Exercise aim:
I'd like every line in the following listing that holds "IFCPOLYGONALFACESET" copied.

Records supplied:
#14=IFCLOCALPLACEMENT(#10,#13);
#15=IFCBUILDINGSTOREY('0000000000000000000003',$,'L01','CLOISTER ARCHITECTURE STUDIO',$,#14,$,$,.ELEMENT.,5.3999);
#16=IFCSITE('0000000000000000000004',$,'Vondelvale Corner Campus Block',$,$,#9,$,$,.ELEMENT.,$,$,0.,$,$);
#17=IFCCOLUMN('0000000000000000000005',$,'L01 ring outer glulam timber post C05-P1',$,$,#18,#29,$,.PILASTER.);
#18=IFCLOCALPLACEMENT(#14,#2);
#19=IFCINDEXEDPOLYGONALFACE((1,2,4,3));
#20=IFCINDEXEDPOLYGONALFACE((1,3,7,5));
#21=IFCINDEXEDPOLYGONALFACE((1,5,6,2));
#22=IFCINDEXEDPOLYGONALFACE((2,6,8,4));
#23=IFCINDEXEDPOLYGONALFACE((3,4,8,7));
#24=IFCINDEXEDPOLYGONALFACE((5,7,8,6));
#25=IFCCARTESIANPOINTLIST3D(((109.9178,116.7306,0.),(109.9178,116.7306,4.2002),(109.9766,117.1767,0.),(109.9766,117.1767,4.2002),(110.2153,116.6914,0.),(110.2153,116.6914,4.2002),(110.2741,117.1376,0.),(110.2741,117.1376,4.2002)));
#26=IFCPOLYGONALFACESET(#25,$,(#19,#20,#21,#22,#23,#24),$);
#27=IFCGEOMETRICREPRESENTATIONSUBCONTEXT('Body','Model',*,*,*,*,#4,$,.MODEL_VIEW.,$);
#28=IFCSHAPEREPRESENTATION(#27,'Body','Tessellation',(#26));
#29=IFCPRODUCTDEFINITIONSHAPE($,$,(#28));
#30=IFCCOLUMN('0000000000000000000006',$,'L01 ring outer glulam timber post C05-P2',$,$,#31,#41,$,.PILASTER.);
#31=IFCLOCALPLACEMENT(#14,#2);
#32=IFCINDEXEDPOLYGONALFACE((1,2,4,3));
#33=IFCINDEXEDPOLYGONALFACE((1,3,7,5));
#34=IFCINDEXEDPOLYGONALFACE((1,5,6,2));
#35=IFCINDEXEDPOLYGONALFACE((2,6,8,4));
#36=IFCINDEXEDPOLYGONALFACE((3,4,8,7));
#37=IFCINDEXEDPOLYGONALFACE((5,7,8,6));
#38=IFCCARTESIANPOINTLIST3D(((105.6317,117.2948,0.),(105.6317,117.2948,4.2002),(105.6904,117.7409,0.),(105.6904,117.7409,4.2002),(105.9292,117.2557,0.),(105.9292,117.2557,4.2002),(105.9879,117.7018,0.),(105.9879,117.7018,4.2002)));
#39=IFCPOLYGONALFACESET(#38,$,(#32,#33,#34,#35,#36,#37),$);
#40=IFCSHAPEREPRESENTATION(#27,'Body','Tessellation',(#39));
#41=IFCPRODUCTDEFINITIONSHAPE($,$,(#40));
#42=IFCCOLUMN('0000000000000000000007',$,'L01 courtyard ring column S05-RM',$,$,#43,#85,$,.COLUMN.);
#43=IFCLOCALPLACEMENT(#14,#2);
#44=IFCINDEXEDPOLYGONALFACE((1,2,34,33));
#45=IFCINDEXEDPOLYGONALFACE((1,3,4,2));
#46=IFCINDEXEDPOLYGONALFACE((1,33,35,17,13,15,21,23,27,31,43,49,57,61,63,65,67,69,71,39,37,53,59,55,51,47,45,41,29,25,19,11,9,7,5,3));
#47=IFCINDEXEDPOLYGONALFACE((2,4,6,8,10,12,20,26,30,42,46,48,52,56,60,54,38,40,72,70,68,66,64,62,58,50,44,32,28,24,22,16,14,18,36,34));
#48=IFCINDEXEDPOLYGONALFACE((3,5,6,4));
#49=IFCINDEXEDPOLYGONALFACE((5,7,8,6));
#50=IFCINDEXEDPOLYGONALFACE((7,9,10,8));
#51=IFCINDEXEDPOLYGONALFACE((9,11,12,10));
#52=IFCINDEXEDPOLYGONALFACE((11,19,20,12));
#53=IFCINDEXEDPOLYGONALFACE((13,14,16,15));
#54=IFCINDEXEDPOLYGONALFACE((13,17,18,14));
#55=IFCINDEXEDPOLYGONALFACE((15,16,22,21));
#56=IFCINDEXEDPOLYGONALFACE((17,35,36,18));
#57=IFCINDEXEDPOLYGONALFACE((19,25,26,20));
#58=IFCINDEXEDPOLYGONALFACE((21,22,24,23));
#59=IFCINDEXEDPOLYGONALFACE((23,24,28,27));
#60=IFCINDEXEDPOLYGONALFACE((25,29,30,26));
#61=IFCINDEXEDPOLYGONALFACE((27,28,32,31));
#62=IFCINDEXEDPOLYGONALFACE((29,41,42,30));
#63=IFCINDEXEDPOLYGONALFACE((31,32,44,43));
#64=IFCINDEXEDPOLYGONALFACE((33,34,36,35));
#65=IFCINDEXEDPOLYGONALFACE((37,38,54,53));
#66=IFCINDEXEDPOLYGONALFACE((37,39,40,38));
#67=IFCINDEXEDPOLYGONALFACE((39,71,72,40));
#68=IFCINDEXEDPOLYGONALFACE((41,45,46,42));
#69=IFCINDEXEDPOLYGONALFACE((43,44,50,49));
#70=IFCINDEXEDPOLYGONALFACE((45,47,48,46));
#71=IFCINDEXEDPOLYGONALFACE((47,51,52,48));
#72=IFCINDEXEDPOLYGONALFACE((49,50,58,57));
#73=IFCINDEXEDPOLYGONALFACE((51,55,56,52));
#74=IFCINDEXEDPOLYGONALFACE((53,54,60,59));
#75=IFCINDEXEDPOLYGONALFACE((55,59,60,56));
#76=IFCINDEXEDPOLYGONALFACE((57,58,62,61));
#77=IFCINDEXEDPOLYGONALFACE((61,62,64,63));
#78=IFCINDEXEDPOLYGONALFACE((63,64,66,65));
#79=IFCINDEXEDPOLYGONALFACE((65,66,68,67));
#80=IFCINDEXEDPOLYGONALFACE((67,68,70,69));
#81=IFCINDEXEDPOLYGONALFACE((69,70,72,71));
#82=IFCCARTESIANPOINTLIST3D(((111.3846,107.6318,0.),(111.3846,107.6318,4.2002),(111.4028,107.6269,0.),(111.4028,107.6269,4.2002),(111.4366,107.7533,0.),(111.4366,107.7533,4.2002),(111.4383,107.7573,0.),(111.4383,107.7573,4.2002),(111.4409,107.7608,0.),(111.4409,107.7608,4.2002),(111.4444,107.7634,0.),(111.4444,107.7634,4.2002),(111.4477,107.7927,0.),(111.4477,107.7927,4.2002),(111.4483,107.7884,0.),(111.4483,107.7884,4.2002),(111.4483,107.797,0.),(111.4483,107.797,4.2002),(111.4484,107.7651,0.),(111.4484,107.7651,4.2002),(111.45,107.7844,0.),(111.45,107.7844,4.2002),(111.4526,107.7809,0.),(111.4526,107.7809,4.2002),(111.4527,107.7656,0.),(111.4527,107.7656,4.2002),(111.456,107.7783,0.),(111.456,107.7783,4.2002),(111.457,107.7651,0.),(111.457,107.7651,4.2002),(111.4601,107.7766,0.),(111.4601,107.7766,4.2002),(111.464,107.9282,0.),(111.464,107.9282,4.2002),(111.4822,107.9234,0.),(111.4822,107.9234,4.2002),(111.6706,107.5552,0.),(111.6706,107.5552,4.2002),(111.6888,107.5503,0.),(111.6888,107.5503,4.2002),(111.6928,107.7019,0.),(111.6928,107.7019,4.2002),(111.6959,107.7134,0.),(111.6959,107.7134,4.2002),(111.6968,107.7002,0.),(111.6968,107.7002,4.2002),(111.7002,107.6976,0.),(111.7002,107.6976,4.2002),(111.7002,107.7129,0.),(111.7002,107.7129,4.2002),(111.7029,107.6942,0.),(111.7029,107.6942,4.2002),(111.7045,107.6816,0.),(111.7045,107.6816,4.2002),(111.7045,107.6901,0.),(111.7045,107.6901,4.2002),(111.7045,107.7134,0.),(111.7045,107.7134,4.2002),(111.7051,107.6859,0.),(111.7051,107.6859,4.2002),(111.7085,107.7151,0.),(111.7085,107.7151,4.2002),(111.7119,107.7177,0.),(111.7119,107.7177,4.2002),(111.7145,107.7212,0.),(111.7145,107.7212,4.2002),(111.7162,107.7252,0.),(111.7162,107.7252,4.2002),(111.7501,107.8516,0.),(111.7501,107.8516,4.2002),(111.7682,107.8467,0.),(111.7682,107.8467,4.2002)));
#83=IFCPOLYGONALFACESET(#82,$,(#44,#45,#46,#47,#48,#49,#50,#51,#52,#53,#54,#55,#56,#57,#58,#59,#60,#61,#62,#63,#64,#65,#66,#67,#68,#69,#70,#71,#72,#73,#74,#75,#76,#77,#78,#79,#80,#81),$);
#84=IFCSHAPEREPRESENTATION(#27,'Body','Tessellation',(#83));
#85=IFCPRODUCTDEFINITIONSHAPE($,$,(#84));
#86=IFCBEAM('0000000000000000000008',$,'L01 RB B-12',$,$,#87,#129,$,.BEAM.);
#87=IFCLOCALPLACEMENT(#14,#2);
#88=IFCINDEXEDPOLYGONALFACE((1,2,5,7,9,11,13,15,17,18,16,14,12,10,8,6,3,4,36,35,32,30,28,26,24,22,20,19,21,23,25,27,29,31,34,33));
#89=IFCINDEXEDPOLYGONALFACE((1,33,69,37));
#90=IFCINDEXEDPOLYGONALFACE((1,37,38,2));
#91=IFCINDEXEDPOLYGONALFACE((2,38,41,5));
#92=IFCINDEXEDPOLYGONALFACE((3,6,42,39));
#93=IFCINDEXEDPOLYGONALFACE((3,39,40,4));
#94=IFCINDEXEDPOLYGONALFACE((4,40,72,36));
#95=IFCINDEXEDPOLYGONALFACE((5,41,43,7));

Answer below:
#26=IFCPOLYGONALFACESET(#25,$,(#19,#20,#21,#22,#23,#24),$);
#39=IFCPOLYGONALFACESET(#38,$,(#32,#33,#34,#35,#36,#37),$);
#83=IFCPOLYGONALFACESET(#82,$,(#44,#45,#46,#47,#48,#49,#50,#51,#52,#53,#54,#55,#56,#57,#58,#59,#60,#61,#62,#63,#64,#65,#66,#67,#68,#69,#70,#71,#72,#73,#74,#75,#76,#77,#78,#79,#80,#81),$);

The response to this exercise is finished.